[Opening DATA LISTING section]

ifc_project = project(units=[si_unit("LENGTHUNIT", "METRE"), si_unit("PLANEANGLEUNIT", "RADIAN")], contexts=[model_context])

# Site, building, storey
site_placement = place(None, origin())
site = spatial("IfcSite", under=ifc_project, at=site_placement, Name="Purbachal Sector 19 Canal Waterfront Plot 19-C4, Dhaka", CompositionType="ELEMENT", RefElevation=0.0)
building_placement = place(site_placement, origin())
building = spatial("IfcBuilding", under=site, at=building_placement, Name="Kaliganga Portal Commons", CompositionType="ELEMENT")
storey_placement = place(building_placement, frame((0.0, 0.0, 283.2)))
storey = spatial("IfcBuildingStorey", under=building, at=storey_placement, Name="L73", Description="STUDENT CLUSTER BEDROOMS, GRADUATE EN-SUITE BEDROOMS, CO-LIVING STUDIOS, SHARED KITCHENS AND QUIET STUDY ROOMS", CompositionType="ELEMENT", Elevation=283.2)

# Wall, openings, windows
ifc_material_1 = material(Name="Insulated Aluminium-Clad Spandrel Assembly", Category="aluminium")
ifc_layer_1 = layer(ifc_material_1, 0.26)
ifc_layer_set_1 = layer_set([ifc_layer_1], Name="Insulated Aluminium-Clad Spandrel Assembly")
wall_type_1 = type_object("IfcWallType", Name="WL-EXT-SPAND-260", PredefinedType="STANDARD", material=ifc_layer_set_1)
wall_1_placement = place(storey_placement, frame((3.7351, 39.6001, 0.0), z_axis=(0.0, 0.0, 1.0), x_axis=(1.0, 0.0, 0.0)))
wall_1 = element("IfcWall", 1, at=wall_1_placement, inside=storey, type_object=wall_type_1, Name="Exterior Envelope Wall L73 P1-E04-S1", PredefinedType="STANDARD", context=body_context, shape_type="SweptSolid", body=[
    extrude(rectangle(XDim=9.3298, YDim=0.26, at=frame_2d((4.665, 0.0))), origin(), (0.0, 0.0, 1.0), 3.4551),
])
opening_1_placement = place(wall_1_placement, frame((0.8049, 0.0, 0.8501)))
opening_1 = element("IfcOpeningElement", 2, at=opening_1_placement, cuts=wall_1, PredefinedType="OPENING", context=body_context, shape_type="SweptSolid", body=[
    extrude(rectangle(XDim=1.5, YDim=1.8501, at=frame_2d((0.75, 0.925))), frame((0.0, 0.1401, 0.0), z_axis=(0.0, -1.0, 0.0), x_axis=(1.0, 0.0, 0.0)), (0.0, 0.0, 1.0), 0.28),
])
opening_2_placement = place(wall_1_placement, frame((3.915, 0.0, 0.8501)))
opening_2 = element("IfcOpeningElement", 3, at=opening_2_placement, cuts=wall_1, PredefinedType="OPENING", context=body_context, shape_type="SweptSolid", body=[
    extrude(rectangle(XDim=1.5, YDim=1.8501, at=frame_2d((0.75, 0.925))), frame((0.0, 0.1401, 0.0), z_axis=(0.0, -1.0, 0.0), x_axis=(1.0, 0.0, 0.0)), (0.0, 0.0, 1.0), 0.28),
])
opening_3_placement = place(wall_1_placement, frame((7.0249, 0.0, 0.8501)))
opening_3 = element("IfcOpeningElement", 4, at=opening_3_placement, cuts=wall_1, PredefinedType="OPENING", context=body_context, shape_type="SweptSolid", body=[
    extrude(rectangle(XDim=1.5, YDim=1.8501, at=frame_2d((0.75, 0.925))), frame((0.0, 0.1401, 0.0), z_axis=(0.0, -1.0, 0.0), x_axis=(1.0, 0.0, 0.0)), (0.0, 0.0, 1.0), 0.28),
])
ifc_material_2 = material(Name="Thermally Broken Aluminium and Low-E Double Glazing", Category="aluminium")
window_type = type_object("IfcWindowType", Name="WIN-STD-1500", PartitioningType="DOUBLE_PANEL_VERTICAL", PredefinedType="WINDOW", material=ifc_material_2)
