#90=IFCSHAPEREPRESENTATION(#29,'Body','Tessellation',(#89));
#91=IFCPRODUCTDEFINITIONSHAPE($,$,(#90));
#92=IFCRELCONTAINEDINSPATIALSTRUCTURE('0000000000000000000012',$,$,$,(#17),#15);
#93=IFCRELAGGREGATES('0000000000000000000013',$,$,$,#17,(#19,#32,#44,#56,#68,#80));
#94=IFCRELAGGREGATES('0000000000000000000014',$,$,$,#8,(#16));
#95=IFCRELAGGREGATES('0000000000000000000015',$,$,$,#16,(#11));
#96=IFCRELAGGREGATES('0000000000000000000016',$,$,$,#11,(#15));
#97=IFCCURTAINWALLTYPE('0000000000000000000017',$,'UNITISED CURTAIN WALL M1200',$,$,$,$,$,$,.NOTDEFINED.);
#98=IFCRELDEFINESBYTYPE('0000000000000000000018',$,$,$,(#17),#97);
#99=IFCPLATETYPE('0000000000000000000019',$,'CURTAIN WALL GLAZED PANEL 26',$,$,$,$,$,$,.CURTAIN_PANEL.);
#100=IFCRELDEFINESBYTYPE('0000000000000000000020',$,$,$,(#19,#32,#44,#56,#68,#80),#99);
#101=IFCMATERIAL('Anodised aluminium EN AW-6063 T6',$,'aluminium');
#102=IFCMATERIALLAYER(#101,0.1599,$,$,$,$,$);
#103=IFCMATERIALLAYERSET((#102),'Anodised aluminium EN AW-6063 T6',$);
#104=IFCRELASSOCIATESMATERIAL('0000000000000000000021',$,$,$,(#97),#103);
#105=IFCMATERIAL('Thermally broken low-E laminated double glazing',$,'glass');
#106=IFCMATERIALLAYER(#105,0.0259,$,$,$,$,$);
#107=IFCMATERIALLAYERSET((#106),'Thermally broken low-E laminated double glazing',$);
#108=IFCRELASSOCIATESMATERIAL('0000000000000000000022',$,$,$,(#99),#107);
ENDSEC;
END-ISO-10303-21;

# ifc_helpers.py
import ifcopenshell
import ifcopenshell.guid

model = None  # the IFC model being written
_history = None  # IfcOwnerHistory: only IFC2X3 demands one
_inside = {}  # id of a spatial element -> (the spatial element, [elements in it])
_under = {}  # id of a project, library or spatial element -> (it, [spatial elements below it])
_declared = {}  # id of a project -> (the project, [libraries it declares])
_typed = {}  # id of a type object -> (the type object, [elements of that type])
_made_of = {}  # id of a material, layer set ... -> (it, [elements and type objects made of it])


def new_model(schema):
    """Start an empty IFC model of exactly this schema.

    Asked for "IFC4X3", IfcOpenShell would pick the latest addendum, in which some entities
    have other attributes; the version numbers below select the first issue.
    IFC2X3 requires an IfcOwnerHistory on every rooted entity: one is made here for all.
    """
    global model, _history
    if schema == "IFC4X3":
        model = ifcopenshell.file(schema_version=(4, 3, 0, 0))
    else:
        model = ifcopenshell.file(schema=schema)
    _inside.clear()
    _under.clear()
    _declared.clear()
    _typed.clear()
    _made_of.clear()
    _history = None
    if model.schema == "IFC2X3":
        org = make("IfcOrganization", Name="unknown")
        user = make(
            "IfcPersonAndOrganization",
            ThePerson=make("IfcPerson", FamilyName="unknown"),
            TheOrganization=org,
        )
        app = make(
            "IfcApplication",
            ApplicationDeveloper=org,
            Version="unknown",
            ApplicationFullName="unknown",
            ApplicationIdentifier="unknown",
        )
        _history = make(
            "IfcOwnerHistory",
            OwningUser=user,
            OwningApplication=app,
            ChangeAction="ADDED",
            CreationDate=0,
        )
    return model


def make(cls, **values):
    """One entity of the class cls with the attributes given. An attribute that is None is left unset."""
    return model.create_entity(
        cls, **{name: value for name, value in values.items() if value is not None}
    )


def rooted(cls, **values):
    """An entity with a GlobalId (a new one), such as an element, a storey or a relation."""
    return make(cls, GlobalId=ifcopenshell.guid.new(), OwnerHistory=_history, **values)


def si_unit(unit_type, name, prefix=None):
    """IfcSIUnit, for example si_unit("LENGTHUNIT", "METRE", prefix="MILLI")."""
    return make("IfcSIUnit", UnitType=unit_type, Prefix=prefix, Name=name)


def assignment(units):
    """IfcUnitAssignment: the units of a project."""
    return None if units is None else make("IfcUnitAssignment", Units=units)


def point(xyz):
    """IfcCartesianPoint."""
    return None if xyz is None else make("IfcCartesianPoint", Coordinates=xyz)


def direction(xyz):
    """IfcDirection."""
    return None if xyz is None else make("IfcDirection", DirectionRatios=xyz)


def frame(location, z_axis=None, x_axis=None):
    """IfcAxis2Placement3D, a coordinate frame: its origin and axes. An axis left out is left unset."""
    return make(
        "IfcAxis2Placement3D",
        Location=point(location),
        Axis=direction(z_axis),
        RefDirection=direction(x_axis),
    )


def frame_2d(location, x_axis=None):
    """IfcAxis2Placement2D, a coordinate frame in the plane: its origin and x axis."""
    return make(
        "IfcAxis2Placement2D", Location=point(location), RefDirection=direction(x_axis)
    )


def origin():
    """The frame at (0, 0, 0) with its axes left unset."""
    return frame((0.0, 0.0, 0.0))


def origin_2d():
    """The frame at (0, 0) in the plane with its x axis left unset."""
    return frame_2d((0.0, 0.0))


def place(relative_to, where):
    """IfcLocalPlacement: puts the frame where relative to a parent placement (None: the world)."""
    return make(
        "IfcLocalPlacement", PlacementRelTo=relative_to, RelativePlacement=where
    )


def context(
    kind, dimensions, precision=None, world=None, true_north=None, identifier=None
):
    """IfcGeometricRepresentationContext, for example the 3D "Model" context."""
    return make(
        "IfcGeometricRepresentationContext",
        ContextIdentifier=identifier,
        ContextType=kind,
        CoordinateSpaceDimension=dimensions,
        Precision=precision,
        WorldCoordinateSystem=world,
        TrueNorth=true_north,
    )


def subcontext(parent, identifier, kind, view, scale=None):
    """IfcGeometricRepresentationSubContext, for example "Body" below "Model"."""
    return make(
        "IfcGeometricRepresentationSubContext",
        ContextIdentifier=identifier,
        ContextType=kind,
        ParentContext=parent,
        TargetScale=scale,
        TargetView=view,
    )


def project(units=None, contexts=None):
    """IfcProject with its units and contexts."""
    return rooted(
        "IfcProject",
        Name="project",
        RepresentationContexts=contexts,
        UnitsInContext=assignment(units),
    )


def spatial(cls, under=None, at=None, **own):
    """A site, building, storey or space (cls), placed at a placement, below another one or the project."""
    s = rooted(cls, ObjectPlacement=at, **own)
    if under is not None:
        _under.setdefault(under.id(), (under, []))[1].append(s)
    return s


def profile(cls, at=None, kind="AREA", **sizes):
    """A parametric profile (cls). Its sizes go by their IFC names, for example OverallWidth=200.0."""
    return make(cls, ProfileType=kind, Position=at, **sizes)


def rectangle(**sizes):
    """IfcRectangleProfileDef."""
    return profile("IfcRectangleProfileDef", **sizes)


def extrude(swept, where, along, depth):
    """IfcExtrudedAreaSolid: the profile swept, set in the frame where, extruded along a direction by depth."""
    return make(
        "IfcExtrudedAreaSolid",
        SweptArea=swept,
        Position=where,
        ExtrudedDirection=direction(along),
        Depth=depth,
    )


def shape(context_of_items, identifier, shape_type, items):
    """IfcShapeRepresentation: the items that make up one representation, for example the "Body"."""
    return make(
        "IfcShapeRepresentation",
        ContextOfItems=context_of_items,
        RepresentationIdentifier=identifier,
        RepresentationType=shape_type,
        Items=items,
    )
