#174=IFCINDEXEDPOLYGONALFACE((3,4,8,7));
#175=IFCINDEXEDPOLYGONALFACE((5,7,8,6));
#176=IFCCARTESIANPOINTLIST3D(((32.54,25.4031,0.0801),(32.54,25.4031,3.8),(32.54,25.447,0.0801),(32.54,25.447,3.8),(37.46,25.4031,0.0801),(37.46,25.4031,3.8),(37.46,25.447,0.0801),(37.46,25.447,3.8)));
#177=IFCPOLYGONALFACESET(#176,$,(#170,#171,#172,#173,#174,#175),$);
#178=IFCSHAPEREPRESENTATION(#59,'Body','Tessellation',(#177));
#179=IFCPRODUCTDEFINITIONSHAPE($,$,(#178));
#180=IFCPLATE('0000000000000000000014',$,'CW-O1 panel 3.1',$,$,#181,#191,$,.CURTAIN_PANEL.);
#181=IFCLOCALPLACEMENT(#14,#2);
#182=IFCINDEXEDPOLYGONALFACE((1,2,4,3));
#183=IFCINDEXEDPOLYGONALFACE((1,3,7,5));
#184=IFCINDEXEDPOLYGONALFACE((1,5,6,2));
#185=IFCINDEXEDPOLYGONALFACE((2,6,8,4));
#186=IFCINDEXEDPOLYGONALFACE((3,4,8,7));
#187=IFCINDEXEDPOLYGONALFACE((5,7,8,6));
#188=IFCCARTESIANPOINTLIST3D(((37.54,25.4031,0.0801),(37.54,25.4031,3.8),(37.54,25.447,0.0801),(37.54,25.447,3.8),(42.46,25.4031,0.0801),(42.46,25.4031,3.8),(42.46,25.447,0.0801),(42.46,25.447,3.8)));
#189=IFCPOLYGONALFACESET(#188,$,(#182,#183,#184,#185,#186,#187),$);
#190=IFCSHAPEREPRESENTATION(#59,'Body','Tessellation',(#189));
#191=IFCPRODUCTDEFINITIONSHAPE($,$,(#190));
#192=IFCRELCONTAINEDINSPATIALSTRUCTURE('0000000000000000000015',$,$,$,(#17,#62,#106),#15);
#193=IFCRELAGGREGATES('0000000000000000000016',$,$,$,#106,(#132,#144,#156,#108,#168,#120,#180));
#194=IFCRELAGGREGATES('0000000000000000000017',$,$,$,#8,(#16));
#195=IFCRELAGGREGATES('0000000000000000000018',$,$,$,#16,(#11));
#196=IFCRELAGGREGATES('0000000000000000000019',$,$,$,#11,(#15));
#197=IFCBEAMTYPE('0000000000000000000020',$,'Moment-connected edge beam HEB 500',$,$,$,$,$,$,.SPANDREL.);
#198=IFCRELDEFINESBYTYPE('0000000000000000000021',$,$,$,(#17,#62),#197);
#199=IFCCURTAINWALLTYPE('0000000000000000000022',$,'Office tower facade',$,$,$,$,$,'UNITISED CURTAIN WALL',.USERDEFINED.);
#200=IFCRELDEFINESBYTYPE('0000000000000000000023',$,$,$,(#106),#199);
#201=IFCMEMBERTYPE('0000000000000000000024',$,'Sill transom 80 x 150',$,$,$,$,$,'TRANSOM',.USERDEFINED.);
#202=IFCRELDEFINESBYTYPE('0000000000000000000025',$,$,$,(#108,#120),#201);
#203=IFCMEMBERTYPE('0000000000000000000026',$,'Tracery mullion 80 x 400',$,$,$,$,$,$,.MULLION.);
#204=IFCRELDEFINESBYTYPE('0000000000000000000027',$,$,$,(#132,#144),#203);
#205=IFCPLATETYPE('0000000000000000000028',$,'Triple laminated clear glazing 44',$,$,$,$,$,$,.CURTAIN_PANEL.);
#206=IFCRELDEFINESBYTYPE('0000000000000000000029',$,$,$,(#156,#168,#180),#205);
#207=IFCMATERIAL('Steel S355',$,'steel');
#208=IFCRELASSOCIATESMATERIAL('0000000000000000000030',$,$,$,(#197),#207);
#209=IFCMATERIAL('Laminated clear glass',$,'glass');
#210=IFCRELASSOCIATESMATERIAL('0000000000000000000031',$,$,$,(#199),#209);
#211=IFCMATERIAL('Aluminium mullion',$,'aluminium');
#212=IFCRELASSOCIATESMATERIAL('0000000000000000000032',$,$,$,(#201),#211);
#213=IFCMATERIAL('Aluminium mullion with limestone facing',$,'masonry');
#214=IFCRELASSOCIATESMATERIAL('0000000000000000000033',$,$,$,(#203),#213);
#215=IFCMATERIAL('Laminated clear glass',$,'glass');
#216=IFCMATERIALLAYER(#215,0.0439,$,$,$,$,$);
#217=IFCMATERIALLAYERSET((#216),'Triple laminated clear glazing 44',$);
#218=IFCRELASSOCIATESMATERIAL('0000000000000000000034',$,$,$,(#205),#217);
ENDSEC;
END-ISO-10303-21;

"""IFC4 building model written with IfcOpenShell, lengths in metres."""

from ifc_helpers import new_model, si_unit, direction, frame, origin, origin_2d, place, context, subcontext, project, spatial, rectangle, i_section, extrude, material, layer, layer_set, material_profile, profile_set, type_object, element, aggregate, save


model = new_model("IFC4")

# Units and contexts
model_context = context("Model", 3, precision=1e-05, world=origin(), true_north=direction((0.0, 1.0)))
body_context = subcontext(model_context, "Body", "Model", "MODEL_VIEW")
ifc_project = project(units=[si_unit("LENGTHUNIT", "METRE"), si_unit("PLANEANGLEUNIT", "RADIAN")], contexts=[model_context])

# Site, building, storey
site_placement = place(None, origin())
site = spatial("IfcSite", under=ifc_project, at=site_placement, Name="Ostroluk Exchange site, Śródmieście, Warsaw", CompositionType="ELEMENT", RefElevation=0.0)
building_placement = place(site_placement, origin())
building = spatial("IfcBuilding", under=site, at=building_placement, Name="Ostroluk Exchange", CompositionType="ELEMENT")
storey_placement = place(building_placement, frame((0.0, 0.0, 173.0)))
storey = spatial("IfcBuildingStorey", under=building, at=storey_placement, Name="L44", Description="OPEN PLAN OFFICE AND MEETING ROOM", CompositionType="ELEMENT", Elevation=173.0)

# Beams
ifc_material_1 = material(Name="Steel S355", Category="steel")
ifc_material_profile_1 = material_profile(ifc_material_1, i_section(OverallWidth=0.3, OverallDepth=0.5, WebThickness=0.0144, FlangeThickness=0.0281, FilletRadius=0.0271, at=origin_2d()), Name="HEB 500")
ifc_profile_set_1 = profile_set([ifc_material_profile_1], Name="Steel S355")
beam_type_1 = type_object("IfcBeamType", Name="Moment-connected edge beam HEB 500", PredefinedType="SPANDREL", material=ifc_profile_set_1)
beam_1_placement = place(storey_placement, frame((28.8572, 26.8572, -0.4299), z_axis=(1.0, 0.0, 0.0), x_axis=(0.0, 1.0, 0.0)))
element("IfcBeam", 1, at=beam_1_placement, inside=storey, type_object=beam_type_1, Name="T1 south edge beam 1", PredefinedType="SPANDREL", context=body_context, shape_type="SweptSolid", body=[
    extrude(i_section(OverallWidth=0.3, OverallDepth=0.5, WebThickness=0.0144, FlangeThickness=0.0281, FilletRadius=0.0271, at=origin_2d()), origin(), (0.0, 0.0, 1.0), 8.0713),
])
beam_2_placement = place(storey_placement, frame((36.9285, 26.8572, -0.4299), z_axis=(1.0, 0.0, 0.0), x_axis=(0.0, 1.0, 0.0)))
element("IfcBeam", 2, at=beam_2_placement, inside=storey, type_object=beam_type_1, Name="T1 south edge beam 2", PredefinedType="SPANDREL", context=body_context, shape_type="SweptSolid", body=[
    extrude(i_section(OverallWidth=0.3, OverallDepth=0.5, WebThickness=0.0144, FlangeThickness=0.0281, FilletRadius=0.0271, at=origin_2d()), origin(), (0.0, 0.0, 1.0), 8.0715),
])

[Closing DATA LISTING section]

**ACTIVITY:**
In the listing above, find the line with "#201=IFCMEMBERTYPE('0000000000000000000024',$,'Sill transom 80" and the line with "building model written", then reproduce both and every line between them exactly.

**WORKED SOLUTION:**
#201=IFCMEMBERTYPE('0000000000000000000024',$,'Sill transom 80 x 150',$,$,$,$,$,'TRANSOM',.USERDEFINED.);
#202=IFCRELDEFINESBYTYPE('0000000000000000000025',$,$,$,(#108,#120),#201);
#203=IFCMEMBERTYPE('0000000000000000000026',$,'Tracery mullion 80 x 400',$,$,$,$,$,$,.MULLION.);
#204=IFCRELDEFINESBYTYPE('0000000000000000000027',$,$,$,(#132,#144),#203);
#205=IFCPLATETYPE('0000000000000000000028',$,'Triple laminated clear glazing 44',$,$,$,$,$,$,.CURTAIN_PANEL.);
#206=IFCRELDEFINESBYTYPE('0000000000000000000029',$,$,$,(#156,#168,#180),#205);
#207=IFCMATERIAL('Steel S355',$,'steel');
#208=IFCRELASSOCIATESMATERIAL('0000000000000000000030',$,$,$,(#197),#207);
#209=IFCMATERIAL('Laminated clear glass',$,'glass');
#210=IFCRELASSOCIATESMATERIAL('0000000000000000000031',$,$,$,(#199),#209);
#211=IFCMATERIAL('Aluminium mullion',$,'aluminium');
#212=IFCRELASSOCIATESMATERIAL('0000000000000000000032',$,$,$,(#201),#211);
#213=IFCMATERIAL('Aluminium mullion with limestone facing',$,'masonry');
#214=IFCRELASSOCIATESMATERIAL('0000000000000000000033',$,$,$,(#203),#213);
#215=IFCMATERIAL('Laminated clear glass',$,'glass');
#216=IFCMATERIALLAYER(#215,0.0439,$,$,$,$,$);
#217=IFCMATERIALLAYERSET((#216),'Triple laminated clear glazing 44',$);
#218=IFCRELASSOCIATESMATERIAL('0000000000000000000034',$,$,$,(#205),#217);
ENDSEC;
END-ISO-10303-21;

"""IFC4 building model written with IfcOpenShell, lengths in metres."""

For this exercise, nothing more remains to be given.